### RECORD EXCERPTS
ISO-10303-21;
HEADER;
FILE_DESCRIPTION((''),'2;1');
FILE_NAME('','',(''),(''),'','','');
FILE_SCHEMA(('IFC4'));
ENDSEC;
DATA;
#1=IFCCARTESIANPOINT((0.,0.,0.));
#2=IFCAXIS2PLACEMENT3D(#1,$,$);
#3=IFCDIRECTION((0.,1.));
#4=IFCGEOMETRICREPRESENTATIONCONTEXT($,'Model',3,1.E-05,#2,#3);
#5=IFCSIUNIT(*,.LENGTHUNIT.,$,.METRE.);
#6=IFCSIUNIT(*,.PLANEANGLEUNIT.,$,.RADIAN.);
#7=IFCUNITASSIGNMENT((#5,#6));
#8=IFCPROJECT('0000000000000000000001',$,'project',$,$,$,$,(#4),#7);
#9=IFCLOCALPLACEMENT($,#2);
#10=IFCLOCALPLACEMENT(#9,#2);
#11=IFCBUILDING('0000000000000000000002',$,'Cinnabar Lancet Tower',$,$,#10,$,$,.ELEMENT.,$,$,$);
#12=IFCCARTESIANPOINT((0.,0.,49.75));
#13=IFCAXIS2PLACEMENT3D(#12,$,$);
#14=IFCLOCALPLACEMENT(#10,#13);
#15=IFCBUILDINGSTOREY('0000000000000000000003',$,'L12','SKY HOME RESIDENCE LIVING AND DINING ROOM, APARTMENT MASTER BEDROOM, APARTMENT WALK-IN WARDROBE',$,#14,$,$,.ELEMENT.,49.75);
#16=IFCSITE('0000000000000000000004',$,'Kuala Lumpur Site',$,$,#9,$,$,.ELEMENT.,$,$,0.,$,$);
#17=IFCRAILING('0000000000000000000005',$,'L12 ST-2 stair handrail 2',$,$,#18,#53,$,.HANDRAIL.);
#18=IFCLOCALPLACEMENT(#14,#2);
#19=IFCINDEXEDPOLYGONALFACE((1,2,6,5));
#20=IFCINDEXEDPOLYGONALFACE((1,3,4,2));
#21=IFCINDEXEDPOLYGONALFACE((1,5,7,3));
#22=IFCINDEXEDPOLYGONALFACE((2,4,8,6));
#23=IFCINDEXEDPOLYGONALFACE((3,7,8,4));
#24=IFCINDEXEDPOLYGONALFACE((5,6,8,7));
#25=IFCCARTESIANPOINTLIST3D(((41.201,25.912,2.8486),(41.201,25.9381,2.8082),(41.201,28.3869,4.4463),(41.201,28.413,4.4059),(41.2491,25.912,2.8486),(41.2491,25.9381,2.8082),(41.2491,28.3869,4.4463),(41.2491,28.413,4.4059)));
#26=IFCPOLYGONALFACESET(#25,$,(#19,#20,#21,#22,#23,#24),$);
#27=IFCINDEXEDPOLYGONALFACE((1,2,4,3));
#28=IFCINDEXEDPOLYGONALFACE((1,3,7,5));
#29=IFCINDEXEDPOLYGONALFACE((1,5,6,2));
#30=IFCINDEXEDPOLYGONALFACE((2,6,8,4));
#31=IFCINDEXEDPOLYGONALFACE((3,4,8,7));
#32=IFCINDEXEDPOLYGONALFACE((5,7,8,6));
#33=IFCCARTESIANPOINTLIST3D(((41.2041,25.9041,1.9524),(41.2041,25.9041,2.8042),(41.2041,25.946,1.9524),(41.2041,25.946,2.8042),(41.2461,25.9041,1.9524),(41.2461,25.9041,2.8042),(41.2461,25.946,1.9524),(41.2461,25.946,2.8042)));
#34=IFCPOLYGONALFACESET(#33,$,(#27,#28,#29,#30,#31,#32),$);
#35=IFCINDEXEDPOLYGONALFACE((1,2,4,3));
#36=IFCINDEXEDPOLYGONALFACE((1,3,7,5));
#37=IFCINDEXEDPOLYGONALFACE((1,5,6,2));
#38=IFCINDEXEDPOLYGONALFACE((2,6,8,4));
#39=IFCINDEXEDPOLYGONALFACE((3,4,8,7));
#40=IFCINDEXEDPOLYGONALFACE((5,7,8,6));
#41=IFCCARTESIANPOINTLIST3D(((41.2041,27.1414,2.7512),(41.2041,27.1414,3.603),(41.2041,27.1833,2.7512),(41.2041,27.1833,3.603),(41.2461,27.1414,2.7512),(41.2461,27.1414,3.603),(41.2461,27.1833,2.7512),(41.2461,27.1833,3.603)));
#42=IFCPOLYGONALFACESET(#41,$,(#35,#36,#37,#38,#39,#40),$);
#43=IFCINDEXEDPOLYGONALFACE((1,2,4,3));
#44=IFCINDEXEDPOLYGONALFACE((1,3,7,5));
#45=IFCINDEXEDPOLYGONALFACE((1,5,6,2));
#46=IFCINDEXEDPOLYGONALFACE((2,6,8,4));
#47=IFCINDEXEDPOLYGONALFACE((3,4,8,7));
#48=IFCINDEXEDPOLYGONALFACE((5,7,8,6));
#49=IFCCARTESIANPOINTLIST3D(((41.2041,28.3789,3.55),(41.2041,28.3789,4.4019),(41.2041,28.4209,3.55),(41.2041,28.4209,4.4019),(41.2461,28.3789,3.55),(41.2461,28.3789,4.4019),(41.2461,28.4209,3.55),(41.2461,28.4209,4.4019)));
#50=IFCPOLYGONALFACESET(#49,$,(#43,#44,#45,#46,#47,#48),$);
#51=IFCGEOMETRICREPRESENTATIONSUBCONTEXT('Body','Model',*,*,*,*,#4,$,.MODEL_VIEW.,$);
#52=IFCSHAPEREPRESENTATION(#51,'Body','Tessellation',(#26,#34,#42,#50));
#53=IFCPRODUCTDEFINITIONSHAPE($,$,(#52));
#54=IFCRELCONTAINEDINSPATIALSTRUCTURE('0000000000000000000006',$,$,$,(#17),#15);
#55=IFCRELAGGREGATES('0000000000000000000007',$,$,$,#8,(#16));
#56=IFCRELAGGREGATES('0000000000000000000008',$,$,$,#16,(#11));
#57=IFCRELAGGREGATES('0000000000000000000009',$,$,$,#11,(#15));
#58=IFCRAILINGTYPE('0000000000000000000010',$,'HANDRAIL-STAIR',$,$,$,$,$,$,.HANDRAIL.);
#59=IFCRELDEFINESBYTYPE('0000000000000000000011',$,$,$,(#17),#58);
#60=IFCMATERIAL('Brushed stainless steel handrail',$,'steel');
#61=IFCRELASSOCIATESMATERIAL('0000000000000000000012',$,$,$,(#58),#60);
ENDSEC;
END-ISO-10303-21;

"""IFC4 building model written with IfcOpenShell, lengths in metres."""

from ifc_helpers import new_model, si_unit, direction, frame, origin, origin_2d, place, context, subcontext, project, spatial, rectangle, extrude, material, type_object, element, save


model = new_model("IFC4")

# Units and contexts
model_context = context("Model", 3, precision=1e-05, world=origin(), true_north=direction((0.0, 1.0)))
body_context = subcontext(model_context, "Body", "Model", "MODEL_VIEW")
ifc_project = project(units=[si_unit("LENGTHUNIT", "METRE"), si_unit("PLANEANGLEUNIT", "RADIAN")], contexts=[model_context])

# Site, building, storey
site_placement = place(None, origin())
site = spatial("IfcSite", under=ifc_project, at=site_placement, Name="Kuala Lumpur Site", CompositionType="ELEMENT", RefElevation=0.0)
building_placement = place(site_placement, origin())
building = spatial("IfcBuilding", under=site, at=building_placement, Name="Cinnabar Lancet Tower", CompositionType="ELEMENT")
storey_placement = place(building_placement, frame((0.0, 0.0, 49.75)))
storey = spatial("IfcBuildingStorey", under=building, at=storey_placement, Name="L12", Description="SKY HOME RESIDENCE LIVING AND DINING ROOM, APARTMENT MASTER BEDROOM, APARTMENT WALK-IN WARDROBE", CompositionType="ELEMENT", Elevation=49.75)

# Railing
ifc_material_1 = material(Name="Brushed stainless steel handrail", Category="steel")
railing_type_1 = type_object("IfcRailingType", Name="HANDRAIL-STAIR", PredefinedType="HANDRAIL", material=ifc_material_1)
railing_1_placement = place(storey_placement, frame((41.2251, 25.925, 1.9524)))
element("IfcRailing", 1, at=railing_1_placement, inside=storey, type_object=railing_type_1, Name="L12 ST-2 stair handrail 2", PredefinedType="HANDRAIL", context=body_context, shape_type="SweptSolid", body=[
    extrude(rectangle(XDim=0.0481, YDim=0.0481, at=origin_2d()), frame((0.0, 0.0, 0.876), z_axis=(0.0, 0.840146, 0.542361), x_axis=(-1.0, 0.0, 0.0)), (0.0, 0.0, 1.0), 2.9458),
    extrude(rectangle(XDim=0.042, YDim=0.042, at=origin_2d()), origin(), (0.0, 0.0, 1.0), 0.8518),
    extrude(rectangle(XDim=0.042, YDim=0.042, at=origin_2d()), frame((0.0, 1.2373, 0.7988)), (0.0, 0.0, 1.0), 0.8518),
    extrude(rectangle(XDim=0.042, YDim=0.042, at=origin_2d()), frame((0.0, 2.4749, 1.5977)), (0.0, 0.0, 1.0), 0.8518),
])

save(model, "model.ifc")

### EXERCISE AIM
Restate word for word the lines of the data above, starting at the line containing "#36=IFCINDEXEDPOLYGONALFACE((1,3,7,5));" and ending at the line containing "#53=IFCPRODUCTDEFINITIONSHAPE($,$,(#52));", both included, and nothing more.

### RESPONSE BOX
#36=IFCINDEXEDPOLYGONALFACE((1,3,7,5));
#37=IFCINDEXEDPOLYGONALFACE((1,5,6,2));
#38=IFCINDEXEDPOLYGONALFACE((2,6,8,4));
#39=IFCINDEXEDPOLYGONALFACE((3,4,8,7));
#40=IFCINDEXEDPOLYGONALFACE((5,7,8,6));
#41=IFCCARTESIANPOINTLIST3D(((41.2041,27.1414,2.7512),(41.2041,27.1414,3.603),(41.2041,27.1833,2.7512),(41.2041,27.1833,3.603),(41.2461,27.1414,2.7512),(41.2461,27.1414,3.603),(41.2461,27.1833,2.7512),(41.2461,27.1833,3.603)));
#42=IFCPOLYGONALFACESET(#41,$,(#35,#36,#37,#38,#39,#40),$);
#43=IFCINDEXEDPOLYGONALFACE((1,2,4,3));
#44=IFCINDEXEDPOLYGONALFACE((1,3,7,5));
#45=IFCINDEXEDPOLYGONALFACE((1,5,6,2));
#46=IFCINDEXEDPOLYGONALFACE((2,6,8,4));
#47=IFCINDEXEDPOLYGONALFACE((3,4,8,7));
#48=IFCINDEXEDPOLYGONALFACE((5,7,8,6));
#49=IFCCARTESIANPOINTLIST3D(((41.2041,28.3789,3.55),(41.2041,28.3789,4.4019),(41.2041,28.4209,3.55),(41.2041,28.4209,4.4019),(41.2461,28.3789,3.55),(41.2461,28.3789,4.4019),(41.2461,28.4209,3.55),(41.2461,28.4209,4.4019)));
#50=IFCPOLYGONALFACESET(#49,$,(#43,#44,#45,#46,#47,#48),$);
#51=IFCGEOMETRICREPRESENTATIONSUBCONTEXT('Body','Model',*,*,*,*,#4,$,.MODEL_VIEW.,$);
#52=IFCSHAPEREPRESENTATION(#51,'Body','Tessellation',(#26,#34,#42,#50));
#53=IFCPRODUCTDEFINITIONSHAPE($,$,(#52));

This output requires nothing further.